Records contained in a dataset

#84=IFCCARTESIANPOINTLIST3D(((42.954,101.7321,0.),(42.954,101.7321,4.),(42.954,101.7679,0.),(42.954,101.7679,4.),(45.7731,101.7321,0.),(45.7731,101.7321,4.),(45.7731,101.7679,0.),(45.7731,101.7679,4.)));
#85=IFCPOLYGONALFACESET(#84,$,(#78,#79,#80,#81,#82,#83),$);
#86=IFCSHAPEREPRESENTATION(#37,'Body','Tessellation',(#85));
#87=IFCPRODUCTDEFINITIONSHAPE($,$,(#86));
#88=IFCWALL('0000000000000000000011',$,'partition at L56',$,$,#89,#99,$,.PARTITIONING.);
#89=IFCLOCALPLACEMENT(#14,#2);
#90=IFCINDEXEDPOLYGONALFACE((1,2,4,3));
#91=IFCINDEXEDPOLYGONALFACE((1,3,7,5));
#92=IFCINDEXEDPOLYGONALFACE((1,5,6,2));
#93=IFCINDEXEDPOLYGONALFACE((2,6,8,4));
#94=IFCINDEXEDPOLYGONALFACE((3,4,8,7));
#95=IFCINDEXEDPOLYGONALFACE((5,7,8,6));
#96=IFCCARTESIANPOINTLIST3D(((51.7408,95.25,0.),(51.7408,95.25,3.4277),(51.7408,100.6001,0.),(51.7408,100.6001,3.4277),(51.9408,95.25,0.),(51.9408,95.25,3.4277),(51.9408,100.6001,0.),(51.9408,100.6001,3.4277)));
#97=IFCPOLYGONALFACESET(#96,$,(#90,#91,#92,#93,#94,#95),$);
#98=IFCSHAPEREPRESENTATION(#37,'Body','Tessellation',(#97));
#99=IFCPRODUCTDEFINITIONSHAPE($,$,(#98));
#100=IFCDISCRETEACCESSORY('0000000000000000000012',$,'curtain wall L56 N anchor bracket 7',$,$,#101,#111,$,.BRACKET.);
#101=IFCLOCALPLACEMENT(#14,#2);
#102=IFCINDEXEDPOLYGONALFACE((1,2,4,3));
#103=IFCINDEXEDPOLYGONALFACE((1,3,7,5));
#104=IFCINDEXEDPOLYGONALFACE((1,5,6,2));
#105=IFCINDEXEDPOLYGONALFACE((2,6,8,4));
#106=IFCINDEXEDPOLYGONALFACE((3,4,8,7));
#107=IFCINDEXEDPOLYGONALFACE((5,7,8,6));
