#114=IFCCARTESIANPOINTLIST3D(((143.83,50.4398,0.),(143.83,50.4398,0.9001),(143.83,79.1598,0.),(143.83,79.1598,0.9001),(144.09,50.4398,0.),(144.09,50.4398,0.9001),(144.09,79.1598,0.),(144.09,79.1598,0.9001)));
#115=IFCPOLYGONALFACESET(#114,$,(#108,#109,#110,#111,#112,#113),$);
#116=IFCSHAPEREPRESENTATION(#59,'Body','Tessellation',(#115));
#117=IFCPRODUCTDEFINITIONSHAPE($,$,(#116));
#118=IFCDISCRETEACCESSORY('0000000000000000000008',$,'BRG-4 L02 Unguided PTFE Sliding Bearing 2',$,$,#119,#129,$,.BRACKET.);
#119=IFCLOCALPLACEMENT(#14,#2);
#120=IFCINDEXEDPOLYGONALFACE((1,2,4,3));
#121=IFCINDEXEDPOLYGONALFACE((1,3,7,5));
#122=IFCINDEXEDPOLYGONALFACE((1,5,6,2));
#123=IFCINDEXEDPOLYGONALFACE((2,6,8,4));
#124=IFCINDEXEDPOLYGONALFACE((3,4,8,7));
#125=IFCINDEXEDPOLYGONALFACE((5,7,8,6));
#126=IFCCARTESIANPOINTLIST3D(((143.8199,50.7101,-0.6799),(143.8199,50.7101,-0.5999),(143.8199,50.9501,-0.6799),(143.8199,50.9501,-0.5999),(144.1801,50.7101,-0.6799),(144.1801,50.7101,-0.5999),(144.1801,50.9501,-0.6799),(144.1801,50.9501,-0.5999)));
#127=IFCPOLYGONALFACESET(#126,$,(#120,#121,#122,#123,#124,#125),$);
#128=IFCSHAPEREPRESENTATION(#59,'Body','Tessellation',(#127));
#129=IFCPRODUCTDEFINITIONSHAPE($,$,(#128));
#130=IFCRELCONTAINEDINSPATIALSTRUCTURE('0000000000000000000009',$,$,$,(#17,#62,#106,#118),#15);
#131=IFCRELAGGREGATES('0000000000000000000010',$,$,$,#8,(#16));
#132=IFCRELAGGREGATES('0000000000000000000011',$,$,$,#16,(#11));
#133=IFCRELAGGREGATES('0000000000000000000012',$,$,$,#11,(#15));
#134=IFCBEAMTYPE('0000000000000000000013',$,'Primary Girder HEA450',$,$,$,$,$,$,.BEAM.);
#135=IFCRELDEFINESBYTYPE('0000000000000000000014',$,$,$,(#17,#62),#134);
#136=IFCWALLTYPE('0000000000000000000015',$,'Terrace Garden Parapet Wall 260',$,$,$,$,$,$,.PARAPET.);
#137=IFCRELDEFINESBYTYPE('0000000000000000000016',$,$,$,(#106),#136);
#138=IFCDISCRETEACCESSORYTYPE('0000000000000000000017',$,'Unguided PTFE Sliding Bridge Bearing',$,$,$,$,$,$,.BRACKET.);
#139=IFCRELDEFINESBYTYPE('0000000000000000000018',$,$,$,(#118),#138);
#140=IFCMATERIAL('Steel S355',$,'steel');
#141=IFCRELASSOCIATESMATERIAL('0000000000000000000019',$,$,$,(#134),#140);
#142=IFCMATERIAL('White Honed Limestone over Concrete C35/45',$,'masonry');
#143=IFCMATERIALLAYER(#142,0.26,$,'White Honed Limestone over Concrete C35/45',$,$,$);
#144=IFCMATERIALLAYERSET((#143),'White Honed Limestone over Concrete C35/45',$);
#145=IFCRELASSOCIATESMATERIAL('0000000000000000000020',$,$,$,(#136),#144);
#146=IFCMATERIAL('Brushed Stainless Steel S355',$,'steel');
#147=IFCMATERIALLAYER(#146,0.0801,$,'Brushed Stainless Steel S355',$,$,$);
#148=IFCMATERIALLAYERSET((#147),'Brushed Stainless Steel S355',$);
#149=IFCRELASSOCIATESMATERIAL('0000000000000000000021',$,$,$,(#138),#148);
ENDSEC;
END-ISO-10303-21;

ASSIGNED TASK
Your response must consist of every line above, reproduced exactly.

EXERCISE OUTPUT
#84=IFCCARTESIANPOINTLIST3D(((42.954,101.7321,0.),(42.954,101.7321,4.),(42.954,101.7679,0.),(42.954,101.7679,4.),(45.7731,101.7321,0.),(45.7731,101.7321,4.),(45.7731,101.7679,0.),(45.7731,101.7679,4.)));
#85=IFCPOLYGONALFACESET(#84,$,(#78,#79,#80,#81,#82,#83),$);
#86=IFCSHAPEREPRESENTATION(#37,'Body','Tessellation',(#85));
#87=IFCPRODUCTDEFINITIONSHAPE($,$,(#86));
#88=IFCWALL('0000000000000000000011',$,'partition at L56',$,$,#89,#99,$,.PARTITIONING.);
#89=IFCLOCALPLACEMENT(#14,#2);
#90=IFCINDEXEDPOLYGONALFACE((1,2,4,3));
#91=IFCINDEXEDPOLYGONALFACE((1,3,7,5));
#92=IFCINDEXEDPOLYGONALFACE((1,5,6,2));
#93=IFCINDEXEDPOLYGONALFACE((2,6,8,4));
#94=IFCINDEXEDPOLYGONALFACE((3,4,8,7));
#95=IFCINDEXEDPOLYGONALFACE((5,7,8,6));
#96=IFCCARTESIANPOINTLIST3D(((51.7408,95.25,0.),(51.7408,95.25,3.4277),(51.7408,100.6001,0.),(51.7408,100.6001,3.4277),(51.9408,95.25,0.),(51.9408,95.25,3.4277),(51.9408,100.6001,0.),(51.9408,100.6001,3.4277)));
#97=IFCPOLYGONALFACESET(#96,$,(#90,#91,#92,#93,#94,#95),$);
#98=IFCSHAPEREPRESENTATION(#37,'Body','Tessellation',(#97));
#99=IFCPRODUCTDEFINITIONSHAPE($,$,(#98));
#100=IFCDISCRETEACCESSORY('0000000000000000000012',$,'curtain wall L56 N anchor bracket 7',$,$,#101,#111,$,.BRACKET.);
#101=IFCLOCALPLACEMENT(#14,#2);
#102=IFCINDEXEDPOLYGONALFACE((1,2,4,3));
#103=IFCINDEXEDPOLYGONALFACE((1,3,7,5));
#104=IFCINDEXEDPOLYGONALFACE((1,5,6,2));
#105=IFCINDEXEDPOLYGONALFACE((2,6,8,4));
#106=IFCINDEXEDPOLYGONALFACE((3,4,8,7));
#107=IFCINDEXEDPOLYGONALFACE((5,7,8,6));
#114=IFCCARTESIANPOINTLIST3D(((143.83,50.4398,0.),(143.83,50.4398,0.9001),(143.83,79.1598,0.),(143.83,79.1598,0.9001),(144.09,50.4398,0.),(144.09,50.4398,0.9001),(144.09,79.1598,0.),(144.09,79.1598,0.9001)));
#115=IFCPOLYGONALFACESET(#114,$,(#108,#109,#110,#111,#112,#113),$);
#116=IFCSHAPEREPRESENTATION(#59,'Body','Tessellation',(#115));
#117=IFCPRODUCTDEFINITIONSHAPE($,$,(#116));
#118=IFCDISCRETEACCESSORY('0000000000000000000008',$,'BRG-4 L02 Unguided PTFE Sliding Bearing 2',$,$,#119,#129,$,.BRACKET.);
#119=IFCLOCALPLACEMENT(#14,#2);
#120=IFCINDEXEDPOLYGONALFACE((1,2,4,3));
#121=IFCINDEXEDPOLYGONALFACE((1,3,7,5));
#122=IFCINDEXEDPOLYGONALFACE((1,5,6,2));
#123=IFCINDEXEDPOLYGONALFACE((2,6,8,4));
#124=IFCINDEXEDPOLYGONALFACE((3,4,8,7));
#125=IFCINDEXEDPOLYGONALFACE((5,7,8,6));
#126=IFCCARTESIANPOINTLIST3D(((143.8199,50.7101,-0.6799),(143.8199,50.7101,-0.5999),(143.8199,50.9501,-0.6799),(143.8199,50.9501,-0.5999),(144.1801,50.7101,-0.6799),(144.1801,50.7101,-0.5999),(144.1801,50.9501,-0.6799),(144.1801,50.9501,-0.5999)));
#127=IFCPOLYGONALFACESET(#126,$,(#120,#121,#122,#123,#124,#125),$);
#128=IFCSHAPEREPRESENTATION(#59,'Body','Tessellation',(#127));
#129=IFCPRODUCTDEFINITIONSHAPE($,$,(#128));
#130=IFCRELCONTAINEDINSPATIALSTRUCTURE('0000000000000000000009',$,$,$,(#17,#62,#106,#118),#15);
#131=IFCRELAGGREGATES('0000000000000000000010',$,$,$,#8,(#16));
#132=IFCRELAGGREGATES('0000000000000000000011',$,$,$,#16,(#11));
#133=IFCRELAGGREGATES('0000000000000000000012',$,$,$,#11,(#15));
#134=IFCBEAMTYPE('0000000000000000000013',$,'Primary Girder HEA450',$,$,$,$,$,$,.BEAM.);
#135=IFCRELDEFINESBYTYPE('0000000000000000000014',$,$,$,(#17,#62),#134);
#136=IFCWALLTYPE('0000000000000000000015',$,'Terrace Garden Parapet Wall 260',$,$,$,$,$,$,.PARAPET.);
#137=IFCRELDEFINESBYTYPE('0000000000000000000016',$,$,$,(#106),#136);
#138=IFCDISCRETEACCESSORYTYPE('0000000000000000000017',$,'Unguided PTFE Sliding Bridge Bearing',$,$,$,$,$,$,.BRACKET.);
#139=IFCRELDEFINESBYTYPE('0000000000000000000018',$,$,$,(#118),#138);
#140=IFCMATERIAL('Steel S355',$,'steel');
#141=IFCRELASSOCIATESMATERIAL('0000000000000000000019',$,$,$,(#134),#140);
#142=IFCMATERIAL('White Honed Limestone over Concrete C35/45',$,'masonry');
#143=IFCMATERIALLAYER(#142,0.26,$,'White Honed Limestone over Concrete C35/45',$,$,$);
#144=IFCMATERIALLAYERSET((#143),'White Honed Limestone over Concrete C35/45',$);
#145=IFCRELASSOCIATESMATERIAL('0000000000000000000020',$,$,$,(#136),#144);
#146=IFCMATERIAL('Brushed Stainless Steel S355',$,'steel');
#147=IFCMATERIALLAYER(#146,0.0801,$,'Brushed Stainless Steel S355',$,$,$);
#148=IFCMATERIALLAYERSET((#147),'Brushed Stainless Steel S355',$);
#149=IFCRELASSOCIATESMATERIAL('0000000000000000000021',$,$,$,(#138),#148);
ENDSEC;
END-ISO-10303-21;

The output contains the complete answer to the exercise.